YOUR GOAL - Pull every line that includes the word "IFCPRODUCTDEFINITIONSHAPE" out of the data below and copy it.

Stored data entries
◆ ◆ ◆

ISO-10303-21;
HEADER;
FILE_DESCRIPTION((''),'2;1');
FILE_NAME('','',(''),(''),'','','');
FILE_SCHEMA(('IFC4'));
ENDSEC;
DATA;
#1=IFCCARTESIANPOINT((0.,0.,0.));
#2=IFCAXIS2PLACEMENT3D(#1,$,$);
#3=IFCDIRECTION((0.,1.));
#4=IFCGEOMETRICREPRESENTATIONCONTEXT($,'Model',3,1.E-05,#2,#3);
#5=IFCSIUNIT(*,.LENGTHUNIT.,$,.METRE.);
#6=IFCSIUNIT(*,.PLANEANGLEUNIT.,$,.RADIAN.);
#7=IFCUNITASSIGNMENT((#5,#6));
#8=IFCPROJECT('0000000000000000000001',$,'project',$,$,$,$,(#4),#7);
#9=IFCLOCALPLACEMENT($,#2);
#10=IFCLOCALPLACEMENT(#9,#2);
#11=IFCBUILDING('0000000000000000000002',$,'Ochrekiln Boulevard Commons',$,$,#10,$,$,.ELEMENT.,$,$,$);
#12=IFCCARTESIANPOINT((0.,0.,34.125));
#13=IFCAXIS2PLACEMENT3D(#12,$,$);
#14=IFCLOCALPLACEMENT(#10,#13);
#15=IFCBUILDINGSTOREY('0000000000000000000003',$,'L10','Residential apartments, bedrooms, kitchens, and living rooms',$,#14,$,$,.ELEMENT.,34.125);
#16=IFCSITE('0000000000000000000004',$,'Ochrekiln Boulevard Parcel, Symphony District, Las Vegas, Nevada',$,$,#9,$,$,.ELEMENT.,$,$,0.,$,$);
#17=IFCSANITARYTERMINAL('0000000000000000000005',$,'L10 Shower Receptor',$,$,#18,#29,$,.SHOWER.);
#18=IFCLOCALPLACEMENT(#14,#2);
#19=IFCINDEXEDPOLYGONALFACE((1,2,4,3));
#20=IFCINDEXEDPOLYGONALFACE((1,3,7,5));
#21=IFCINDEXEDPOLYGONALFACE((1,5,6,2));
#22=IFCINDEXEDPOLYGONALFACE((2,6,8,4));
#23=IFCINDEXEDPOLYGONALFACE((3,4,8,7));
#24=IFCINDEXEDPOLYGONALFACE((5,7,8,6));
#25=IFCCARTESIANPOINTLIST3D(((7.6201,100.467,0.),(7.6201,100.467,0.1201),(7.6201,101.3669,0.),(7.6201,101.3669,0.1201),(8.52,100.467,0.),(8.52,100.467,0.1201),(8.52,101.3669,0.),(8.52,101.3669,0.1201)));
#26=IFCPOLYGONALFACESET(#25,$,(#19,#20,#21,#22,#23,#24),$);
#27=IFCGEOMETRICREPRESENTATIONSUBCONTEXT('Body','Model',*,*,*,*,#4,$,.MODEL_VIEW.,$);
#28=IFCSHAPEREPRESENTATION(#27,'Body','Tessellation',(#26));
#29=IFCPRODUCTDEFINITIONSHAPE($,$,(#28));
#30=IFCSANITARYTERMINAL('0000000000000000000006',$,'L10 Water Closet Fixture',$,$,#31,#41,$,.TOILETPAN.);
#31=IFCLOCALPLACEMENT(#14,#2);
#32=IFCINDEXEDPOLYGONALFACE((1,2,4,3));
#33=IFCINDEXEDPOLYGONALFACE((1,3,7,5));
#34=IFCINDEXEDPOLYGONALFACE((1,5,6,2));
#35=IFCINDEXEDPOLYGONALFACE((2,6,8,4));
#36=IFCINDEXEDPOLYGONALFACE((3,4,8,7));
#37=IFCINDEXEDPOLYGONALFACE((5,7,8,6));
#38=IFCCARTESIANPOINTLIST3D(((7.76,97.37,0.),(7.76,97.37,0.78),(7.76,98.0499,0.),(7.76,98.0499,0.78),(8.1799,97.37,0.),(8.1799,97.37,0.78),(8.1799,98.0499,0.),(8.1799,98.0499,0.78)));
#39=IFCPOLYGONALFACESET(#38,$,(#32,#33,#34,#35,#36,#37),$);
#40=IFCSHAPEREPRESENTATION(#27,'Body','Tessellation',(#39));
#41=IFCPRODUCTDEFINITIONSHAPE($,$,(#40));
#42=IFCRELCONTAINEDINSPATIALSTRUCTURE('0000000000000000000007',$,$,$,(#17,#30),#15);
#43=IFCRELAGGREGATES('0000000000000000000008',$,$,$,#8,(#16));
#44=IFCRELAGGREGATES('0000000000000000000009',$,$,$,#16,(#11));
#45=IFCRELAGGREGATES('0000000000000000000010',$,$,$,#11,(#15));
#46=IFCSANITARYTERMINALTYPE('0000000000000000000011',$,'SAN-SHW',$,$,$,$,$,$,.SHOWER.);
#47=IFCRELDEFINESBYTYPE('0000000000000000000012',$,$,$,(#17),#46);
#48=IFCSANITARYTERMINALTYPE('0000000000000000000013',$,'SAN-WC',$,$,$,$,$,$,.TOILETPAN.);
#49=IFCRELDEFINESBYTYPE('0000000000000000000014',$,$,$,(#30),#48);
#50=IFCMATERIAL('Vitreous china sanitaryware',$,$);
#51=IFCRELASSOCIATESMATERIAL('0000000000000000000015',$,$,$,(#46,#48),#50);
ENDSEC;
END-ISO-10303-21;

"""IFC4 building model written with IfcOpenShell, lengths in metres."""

from ifc_helpers import new_model, si_unit, direction, frame, origin, origin_2d, place, context, subcontext, project, spatial, rectangle, extrude, material, type_object, element, save


model = new_model("IFC4")

# Units and contexts
model_context = context("Model", 3, precision=1e-05, world=origin(), true_north=direction((0.0, 1.0)))
body_context = subcontext(model_context, "Body", "Model", "MODEL_VIEW")
ifc_project = project(units=[si_unit("LENGTHUNIT", "METRE"), si_unit("PLANEANGLEUNIT", "RADIAN")], contexts=[model_context])

# Site, building, storey
site_placement = place(None, origin())
site = spatial("IfcSite", under=ifc_project, at=site_placement, Name="Ochrekiln Boulevard Parcel, Symphony District, Las Vegas, Nevada", CompositionType="ELEMENT", RefElevation=0.0)
building_placement = place(site_placement, origin())
building = spatial("IfcBuilding", under=site, at=building_placement, Name="Ochrekiln Boulevard Commons", CompositionType="ELEMENT")
storey_placement = place(building_placement, frame((0.0, 0.0, 34.125)))
storey = spatial("IfcBuildingStorey", under=building, at=storey_placement, Name="L10", Description="Residential apartments, bedrooms, kitchens, and living rooms", CompositionType="ELEMENT", Elevation=34.125)

# Sanitary terminals
ifc_material_1 = material(Name="Vitreous china sanitaryware")
sanitary_terminal_type_1 = type_object("IfcSanitaryTerminalType", Name="SAN-SHW", PredefinedType="SHOWER", material=ifc_material_1)
sanitary_terminal_1_placement = place(storey_placement, frame((8.0701, 100.917, 0.0), z_axis=(0.0, 0.0, 1.0), x_axis=(1.0, 0.0, 0.0)))
element("IfcSanitaryTerminal", 1, at=sanitary_terminal_1_placement, inside=storey, type_object=sanitary_terminal_type_1, Name="L10 Shower Receptor", PredefinedType="SHOWER", context=body_context, shape_type="SweptSolid", body=[
    extrude(rectangle(XDim=0.8999, YDim=0.8999, at=origin_2d()), origin(), (0.0, 0.0, 1.0), 0.1201),
])
sanitary_terminal_type_2 = type_object("IfcSanitaryTerminalType", Name="SAN-WC", PredefinedType="TOILETPAN", material=ifc_material_1)
sanitary_terminal_2_placement = place(storey_placement, frame((7.97, 97.71, 0.0), z_axis=(0.0, 0.0, 1.0), x_axis=(1.0, 0.0, 0.0)))
element("IfcSanitaryTerminal", 2, at=sanitary_terminal_2_placement, inside=storey, type_object=sanitary_terminal_type_2, Name="L10 Water Closet Fixture", PredefinedType="TOILETPAN", context=body_context, shape_type="SweptSolid", body=[
    extrude(rectangle(XDim=0.4199, YDim=0.6799, at=origin_2d()), origin(), (0.0, 0.0, 1.0), 0.78),
])

save(model, "model.ifc")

◆ ◆ ◆

ANSWER -
#29=IFCPRODUCTDEFINITIONSHAPE($,$,(#28));
#41=IFCPRODUCTDEFINITIONSHAPE($,$,(#40));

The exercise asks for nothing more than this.